== LISTED ENTRIES
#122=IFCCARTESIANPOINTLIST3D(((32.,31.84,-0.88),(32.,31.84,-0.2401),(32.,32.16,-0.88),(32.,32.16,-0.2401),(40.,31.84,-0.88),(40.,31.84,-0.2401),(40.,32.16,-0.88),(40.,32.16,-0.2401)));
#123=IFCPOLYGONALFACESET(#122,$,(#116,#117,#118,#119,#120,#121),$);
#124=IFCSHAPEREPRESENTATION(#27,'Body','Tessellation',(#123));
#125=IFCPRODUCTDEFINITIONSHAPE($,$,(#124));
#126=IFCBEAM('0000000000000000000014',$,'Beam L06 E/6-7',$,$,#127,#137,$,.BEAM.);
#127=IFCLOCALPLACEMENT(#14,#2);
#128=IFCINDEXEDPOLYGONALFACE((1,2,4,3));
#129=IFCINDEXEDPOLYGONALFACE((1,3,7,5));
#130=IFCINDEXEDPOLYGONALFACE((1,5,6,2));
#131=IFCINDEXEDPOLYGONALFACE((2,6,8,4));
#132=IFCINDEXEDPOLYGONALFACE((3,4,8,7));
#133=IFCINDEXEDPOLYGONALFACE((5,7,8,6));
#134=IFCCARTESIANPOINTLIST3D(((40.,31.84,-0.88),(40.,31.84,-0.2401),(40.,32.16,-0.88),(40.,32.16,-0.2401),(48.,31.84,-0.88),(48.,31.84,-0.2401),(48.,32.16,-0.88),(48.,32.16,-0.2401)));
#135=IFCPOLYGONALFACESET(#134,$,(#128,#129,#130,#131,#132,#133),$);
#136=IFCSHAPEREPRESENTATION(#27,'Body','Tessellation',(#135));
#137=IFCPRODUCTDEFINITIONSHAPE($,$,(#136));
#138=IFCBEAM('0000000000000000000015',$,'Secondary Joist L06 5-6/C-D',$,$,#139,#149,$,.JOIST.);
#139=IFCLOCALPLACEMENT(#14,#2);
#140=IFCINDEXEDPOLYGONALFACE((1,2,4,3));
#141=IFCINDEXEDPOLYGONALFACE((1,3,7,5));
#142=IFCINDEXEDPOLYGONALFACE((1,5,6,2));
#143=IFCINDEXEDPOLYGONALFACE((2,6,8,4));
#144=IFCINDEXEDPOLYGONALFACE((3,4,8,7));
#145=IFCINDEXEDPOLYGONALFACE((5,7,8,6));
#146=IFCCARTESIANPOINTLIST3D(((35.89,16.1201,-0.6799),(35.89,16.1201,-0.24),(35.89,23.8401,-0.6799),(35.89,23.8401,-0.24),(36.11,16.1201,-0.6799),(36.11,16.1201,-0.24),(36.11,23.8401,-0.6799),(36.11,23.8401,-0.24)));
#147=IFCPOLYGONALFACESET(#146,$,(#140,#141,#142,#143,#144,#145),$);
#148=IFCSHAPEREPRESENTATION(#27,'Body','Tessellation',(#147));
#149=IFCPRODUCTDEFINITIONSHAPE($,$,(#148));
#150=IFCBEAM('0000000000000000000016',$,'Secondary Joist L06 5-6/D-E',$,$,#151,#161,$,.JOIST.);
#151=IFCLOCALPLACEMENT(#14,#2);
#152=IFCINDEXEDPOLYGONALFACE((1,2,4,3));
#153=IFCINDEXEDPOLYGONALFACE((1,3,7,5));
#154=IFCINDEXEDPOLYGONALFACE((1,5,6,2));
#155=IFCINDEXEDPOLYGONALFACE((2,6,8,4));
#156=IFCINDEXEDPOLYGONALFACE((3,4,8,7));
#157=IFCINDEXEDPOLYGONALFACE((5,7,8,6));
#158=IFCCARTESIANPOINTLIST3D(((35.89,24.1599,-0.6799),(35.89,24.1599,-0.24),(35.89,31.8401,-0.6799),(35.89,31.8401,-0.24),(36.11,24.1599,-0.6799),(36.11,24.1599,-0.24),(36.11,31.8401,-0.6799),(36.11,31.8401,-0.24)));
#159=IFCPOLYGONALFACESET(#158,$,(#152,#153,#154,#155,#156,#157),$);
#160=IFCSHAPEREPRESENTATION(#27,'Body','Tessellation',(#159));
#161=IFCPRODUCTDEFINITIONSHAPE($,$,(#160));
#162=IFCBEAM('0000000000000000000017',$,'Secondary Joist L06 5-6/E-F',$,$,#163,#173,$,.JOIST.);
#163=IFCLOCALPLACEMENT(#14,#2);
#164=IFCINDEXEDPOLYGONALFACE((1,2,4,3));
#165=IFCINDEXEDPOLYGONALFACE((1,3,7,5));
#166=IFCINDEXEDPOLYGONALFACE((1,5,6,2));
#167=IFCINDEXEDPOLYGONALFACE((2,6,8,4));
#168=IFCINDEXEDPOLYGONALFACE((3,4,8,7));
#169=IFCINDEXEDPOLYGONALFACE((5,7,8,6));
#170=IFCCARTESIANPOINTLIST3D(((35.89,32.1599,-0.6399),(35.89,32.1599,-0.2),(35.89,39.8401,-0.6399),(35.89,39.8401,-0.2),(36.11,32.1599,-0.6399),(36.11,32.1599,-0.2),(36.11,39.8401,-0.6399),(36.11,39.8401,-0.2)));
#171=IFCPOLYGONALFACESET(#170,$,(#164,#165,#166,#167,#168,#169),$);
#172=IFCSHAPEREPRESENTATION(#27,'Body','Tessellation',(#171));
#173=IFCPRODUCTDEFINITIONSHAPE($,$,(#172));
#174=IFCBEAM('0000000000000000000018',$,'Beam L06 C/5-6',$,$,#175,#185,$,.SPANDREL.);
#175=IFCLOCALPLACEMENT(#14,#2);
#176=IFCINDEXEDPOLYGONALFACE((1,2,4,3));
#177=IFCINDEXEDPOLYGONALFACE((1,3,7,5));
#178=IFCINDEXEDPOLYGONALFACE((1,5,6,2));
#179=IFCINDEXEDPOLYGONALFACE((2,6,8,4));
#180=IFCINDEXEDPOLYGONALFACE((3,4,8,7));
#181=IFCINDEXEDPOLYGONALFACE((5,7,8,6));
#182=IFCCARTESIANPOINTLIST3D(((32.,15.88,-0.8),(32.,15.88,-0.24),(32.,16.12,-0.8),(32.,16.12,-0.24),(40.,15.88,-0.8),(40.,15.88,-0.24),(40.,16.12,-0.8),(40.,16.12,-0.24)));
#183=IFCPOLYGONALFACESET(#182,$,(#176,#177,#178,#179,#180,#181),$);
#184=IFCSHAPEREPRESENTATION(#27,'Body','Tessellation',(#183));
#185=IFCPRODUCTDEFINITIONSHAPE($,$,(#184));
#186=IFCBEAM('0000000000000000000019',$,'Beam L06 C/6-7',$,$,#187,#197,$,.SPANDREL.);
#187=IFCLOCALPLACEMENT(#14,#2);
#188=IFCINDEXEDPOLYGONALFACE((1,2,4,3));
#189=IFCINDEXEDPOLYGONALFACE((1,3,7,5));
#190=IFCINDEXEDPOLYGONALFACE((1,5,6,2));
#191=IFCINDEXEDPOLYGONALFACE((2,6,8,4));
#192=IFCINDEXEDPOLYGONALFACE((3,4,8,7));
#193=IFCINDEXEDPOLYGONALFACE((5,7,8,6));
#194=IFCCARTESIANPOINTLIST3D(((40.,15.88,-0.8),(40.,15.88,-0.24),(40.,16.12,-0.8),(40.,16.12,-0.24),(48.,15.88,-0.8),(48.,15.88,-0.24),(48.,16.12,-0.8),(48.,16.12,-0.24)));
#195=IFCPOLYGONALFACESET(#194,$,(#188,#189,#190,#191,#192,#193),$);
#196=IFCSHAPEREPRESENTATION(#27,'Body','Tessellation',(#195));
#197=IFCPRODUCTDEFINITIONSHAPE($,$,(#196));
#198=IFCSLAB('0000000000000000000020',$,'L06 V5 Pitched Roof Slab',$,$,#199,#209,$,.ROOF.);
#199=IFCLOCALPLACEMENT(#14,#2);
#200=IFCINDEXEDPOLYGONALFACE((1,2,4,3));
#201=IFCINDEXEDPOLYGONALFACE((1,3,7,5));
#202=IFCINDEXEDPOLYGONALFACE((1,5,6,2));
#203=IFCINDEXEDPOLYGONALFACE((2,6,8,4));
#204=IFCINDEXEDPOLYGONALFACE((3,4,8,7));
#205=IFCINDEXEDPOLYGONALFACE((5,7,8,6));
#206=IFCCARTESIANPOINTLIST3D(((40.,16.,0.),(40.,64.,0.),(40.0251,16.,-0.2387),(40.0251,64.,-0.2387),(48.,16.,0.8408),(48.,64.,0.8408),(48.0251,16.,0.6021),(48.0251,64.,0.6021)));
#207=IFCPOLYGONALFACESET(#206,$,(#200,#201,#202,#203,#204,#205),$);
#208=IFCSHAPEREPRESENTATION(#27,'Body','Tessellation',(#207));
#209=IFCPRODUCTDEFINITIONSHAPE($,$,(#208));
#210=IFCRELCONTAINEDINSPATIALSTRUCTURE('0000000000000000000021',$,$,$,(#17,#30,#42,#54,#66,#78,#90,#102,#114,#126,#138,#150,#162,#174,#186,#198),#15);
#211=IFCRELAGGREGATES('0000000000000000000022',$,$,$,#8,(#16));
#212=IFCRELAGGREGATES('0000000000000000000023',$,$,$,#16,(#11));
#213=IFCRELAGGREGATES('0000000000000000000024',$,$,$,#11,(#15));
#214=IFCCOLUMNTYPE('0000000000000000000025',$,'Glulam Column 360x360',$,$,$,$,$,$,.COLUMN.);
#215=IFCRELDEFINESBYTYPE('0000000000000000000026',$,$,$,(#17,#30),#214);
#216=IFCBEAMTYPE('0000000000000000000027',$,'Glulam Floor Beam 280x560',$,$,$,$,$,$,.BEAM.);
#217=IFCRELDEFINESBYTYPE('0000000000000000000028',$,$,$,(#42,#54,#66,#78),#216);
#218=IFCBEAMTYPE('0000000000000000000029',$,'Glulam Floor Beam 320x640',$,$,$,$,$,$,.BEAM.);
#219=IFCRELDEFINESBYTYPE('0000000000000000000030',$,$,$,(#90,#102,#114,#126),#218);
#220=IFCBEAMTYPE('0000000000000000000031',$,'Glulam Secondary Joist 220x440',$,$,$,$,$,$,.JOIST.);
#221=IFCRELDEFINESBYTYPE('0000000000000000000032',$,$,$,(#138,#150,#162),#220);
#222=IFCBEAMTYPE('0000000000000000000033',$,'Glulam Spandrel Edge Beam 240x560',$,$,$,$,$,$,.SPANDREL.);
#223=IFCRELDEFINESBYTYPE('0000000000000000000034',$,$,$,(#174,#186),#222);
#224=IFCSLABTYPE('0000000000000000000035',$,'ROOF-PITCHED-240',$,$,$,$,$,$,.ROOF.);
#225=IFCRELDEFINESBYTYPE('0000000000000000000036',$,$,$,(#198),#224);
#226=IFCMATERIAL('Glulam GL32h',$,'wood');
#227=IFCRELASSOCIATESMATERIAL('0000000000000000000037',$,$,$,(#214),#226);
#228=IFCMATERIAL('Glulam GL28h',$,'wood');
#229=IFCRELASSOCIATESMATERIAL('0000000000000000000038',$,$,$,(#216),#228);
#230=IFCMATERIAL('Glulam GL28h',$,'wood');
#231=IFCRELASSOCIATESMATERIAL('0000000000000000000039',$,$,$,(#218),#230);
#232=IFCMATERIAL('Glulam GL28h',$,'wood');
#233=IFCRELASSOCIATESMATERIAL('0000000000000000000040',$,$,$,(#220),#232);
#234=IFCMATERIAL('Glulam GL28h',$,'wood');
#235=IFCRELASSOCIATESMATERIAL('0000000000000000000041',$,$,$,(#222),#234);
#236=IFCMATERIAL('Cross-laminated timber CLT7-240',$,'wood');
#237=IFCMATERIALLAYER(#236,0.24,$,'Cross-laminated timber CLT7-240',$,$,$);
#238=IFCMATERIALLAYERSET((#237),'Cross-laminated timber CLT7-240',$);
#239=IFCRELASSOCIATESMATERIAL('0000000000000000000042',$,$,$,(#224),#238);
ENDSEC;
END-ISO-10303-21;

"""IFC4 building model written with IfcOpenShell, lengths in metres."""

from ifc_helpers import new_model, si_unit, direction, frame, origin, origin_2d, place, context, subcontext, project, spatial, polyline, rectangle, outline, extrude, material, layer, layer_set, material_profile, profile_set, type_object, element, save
====
TASK TO COMPLETE: Above is a listing; print exactly its lines from the one with "#181=IFCINDEXEDPOLYGONALFACE((5,7,8,6));" through the one with "#205=IFCINDEXEDPOLYGONALFACE((5,7,8,6));", and no other lines.

TASK RESPONSE:
#181=IFCINDEXEDPOLYGONALFACE((5,7,8,6));
#182=IFCCARTESIANPOINTLIST3D(((32.,15.88,-0.8),(32.,15.88,-0.24),(32.,16.12,-0.8),(32.,16.12,-0.24),(40.,15.88,-0.8),(40.,15.88,-0.24),(40.,16.12,-0.8),(40.,16.12,-0.24)));
#183=IFCPOLYGONALFACESET(#182,$,(#176,#177,#178,#179,#180,#181),$);
#184=IFCSHAPEREPRESENTATION(#27,'Body','Tessellation',(#183));
#185=IFCPRODUCTDEFINITIONSHAPE($,$,(#184));
#186=IFCBEAM('0000000000000000000019',$,'Beam L06 C/6-7',$,$,#187,#197,$,.SPANDREL.);
#187=IFCLOCALPLACEMENT(#14,#2);
#188=IFCINDEXEDPOLYGONALFACE((1,2,4,3));
#189=IFCINDEXEDPOLYGONALFACE((1,3,7,5));
#190=IFCINDEXEDPOLYGONALFACE((1,5,6,2));
#191=IFCINDEXEDPOLYGONALFACE((2,6,8,4));
#192=IFCINDEXEDPOLYGONALFACE((3,4,8,7));
#193=IFCINDEXEDPOLYGONALFACE((5,7,8,6));
#194=IFCCARTESIANPOINTLIST3D(((40.,15.88,-0.8),(40.,15.88,-0.24),(40.,16.12,-0.8),(40.,16.12,-0.24),(48.,15.88,-0.8),(48.,15.88,-0.24),(48.,16.12,-0.8),(48.,16.12,-0.24)));
#195=IFCPOLYGONALFACESET(#194,$,(#188,#189,#190,#191,#192,#193),$);
#196=IFCSHAPEREPRESENTATION(#27,'Body','Tessellation',(#195));
#197=IFCPRODUCTDEFINITIONSHAPE($,$,(#196));
#198=IFCSLAB('0000000000000000000020',$,'L06 V5 Pitched Roof Slab',$,$,#199,#209,$,.ROOF.);
#199=IFCLOCALPLACEMENT(#14,#2);
#200=IFCINDEXEDPOLYGONALFACE((1,2,4,3));
#201=IFCINDEXEDPOLYGONALFACE((1,3,7,5));
#202=IFCINDEXEDPOLYGONALFACE((1,5,6,2));
#203=IFCINDEXEDPOLYGONALFACE((2,6,8,4));
#204=IFCINDEXEDPOLYGONALFACE((3,4,8,7));
#205=IFCINDEXEDPOLYGONALFACE((5,7,8,6));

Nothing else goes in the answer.